Your goal — Using the records that appear below, write out exactly the lines from the one with "#33=IFCINDEXEDPOLYGONALFACE((1,3,7,5));" through the one with "#37=IFCINDEXEDPOLYGONALFACE((5,7,8,6));", keeping both end lines.

Stored items —
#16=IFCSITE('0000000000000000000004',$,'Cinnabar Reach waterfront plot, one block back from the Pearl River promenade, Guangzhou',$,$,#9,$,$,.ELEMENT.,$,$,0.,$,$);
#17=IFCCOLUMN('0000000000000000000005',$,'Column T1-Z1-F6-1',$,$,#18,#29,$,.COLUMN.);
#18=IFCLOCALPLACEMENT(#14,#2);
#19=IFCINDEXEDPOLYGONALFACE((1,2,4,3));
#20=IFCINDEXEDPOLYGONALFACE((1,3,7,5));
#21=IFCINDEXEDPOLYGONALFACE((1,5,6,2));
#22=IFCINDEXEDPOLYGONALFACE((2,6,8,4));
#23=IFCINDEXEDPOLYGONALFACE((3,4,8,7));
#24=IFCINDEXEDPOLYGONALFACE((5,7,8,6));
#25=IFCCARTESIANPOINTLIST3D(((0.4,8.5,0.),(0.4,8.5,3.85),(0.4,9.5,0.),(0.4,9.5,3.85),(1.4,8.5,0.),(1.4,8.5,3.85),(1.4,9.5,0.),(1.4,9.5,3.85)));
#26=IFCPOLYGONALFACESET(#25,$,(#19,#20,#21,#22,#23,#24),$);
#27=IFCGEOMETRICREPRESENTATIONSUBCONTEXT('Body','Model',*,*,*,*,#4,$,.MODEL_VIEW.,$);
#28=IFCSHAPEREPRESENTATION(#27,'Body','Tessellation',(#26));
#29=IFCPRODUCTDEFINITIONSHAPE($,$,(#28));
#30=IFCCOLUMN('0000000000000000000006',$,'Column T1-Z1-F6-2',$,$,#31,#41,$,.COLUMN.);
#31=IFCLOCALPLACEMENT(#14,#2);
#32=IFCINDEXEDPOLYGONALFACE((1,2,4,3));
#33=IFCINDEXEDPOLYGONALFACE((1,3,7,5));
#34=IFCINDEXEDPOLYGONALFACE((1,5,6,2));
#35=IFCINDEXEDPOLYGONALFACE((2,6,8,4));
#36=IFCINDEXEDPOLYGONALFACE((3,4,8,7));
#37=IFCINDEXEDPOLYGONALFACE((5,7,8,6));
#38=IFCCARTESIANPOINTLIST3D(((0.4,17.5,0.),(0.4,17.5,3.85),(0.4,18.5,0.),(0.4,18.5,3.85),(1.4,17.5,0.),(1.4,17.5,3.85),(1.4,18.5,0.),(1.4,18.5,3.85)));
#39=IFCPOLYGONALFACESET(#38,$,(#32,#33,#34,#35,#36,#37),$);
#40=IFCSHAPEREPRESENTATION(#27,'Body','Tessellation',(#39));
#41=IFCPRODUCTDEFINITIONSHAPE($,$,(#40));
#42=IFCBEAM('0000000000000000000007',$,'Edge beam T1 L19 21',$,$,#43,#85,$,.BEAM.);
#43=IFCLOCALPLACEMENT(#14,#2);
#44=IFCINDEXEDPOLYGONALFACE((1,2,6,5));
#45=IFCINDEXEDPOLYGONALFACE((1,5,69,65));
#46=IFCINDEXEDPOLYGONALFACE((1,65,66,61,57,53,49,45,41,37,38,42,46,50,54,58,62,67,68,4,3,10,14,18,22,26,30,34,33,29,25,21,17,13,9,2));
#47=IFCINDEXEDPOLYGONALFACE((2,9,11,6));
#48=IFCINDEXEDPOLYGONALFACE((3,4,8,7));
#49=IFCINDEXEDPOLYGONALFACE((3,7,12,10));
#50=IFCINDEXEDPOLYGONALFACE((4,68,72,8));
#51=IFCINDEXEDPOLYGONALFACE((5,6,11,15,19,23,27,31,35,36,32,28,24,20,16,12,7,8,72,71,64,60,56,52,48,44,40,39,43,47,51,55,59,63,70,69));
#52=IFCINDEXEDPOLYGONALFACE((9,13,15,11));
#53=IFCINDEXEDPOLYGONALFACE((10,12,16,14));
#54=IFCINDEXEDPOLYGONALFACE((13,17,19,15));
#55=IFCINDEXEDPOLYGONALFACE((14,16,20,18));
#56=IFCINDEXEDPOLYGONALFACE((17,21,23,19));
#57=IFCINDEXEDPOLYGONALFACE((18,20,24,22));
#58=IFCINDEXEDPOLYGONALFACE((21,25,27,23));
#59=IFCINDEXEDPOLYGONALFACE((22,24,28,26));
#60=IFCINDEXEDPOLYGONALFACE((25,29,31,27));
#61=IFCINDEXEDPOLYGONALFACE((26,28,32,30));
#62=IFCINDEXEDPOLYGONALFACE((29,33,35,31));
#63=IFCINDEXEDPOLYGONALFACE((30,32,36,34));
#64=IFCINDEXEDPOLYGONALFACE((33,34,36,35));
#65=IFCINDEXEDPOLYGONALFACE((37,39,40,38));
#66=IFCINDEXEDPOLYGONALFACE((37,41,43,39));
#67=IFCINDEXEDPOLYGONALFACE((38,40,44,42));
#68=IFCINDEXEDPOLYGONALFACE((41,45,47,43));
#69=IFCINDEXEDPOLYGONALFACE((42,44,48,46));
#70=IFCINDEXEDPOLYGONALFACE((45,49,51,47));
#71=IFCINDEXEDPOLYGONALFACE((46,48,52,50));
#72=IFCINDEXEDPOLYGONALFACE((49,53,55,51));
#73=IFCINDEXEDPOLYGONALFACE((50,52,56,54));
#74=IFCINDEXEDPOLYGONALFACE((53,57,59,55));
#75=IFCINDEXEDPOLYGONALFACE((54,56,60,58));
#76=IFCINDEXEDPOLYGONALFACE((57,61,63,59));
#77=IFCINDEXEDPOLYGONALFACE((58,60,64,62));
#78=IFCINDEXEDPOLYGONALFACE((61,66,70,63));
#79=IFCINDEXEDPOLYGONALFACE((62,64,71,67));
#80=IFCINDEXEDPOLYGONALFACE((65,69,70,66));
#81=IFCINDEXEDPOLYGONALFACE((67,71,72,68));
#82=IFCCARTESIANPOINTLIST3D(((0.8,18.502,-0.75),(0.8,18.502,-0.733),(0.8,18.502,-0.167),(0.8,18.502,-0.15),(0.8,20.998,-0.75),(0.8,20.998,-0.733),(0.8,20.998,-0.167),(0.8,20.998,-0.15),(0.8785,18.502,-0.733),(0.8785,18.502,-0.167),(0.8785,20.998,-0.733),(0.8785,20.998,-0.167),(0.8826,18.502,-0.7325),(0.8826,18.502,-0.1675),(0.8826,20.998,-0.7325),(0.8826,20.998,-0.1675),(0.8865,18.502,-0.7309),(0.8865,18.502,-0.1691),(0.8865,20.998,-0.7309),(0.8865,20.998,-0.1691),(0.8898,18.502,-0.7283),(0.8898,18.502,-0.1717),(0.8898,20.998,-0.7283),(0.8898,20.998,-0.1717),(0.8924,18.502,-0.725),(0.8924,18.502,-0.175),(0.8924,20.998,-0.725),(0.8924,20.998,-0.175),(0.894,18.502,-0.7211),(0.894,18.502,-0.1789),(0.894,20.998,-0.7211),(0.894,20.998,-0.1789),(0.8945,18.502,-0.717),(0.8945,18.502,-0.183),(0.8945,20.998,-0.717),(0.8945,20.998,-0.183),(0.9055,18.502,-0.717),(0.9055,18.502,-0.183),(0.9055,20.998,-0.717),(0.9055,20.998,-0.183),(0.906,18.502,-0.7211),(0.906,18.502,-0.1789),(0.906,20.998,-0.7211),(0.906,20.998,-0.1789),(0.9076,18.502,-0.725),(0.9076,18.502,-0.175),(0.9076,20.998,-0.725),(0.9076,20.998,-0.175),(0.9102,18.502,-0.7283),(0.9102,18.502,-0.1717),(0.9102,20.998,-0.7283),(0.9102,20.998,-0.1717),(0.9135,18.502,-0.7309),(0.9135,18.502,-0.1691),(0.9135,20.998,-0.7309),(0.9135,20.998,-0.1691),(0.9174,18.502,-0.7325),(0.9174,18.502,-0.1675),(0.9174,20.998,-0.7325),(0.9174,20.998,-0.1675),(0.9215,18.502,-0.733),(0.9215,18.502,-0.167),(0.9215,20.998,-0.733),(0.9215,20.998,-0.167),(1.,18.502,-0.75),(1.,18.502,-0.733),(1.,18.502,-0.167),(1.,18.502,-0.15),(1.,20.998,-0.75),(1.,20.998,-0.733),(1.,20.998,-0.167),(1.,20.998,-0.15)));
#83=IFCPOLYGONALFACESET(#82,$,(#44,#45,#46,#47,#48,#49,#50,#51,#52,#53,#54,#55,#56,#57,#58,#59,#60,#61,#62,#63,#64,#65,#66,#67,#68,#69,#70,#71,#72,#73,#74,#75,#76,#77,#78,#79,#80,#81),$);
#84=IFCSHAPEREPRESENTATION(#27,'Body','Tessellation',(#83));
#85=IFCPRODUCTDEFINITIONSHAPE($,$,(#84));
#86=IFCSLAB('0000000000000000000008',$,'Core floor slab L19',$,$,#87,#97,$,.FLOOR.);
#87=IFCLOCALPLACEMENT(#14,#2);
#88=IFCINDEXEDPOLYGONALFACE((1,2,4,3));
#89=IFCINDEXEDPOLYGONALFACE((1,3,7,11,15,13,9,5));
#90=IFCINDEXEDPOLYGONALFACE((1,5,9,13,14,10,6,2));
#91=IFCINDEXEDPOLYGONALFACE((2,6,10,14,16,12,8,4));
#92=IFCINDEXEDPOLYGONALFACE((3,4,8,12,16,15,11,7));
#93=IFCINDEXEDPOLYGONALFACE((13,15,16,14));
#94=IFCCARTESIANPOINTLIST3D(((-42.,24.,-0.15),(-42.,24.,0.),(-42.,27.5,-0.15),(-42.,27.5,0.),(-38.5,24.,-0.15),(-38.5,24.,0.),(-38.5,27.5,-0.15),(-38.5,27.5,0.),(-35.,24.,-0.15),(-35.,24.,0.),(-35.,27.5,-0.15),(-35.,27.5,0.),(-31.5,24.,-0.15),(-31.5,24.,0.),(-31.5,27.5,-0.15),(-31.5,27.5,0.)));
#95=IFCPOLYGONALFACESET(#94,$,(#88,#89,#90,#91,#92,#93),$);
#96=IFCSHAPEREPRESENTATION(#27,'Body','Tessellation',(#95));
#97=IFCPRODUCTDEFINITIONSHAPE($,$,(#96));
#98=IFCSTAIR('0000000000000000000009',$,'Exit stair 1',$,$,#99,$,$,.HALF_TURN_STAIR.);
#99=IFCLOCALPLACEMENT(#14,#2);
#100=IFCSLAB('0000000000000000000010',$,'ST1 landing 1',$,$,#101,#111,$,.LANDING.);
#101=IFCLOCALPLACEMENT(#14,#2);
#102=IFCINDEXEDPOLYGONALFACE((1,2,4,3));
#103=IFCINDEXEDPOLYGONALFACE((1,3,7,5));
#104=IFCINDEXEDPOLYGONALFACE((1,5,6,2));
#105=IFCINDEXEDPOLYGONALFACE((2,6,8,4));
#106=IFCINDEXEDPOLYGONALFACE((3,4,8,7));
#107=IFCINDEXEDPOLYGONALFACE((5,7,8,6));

Answer to the exercise —
#33=IFCINDEXEDPOLYGONALFACE((1,3,7,5));
#34=IFCINDEXEDPOLYGONALFACE((1,5,6,2));
#35=IFCINDEXEDPOLYGONALFACE((2,6,8,4));
#36=IFCINDEXEDPOLYGONALFACE((3,4,8,7));
#37=IFCINDEXEDPOLYGONALFACE((5,7,8,6));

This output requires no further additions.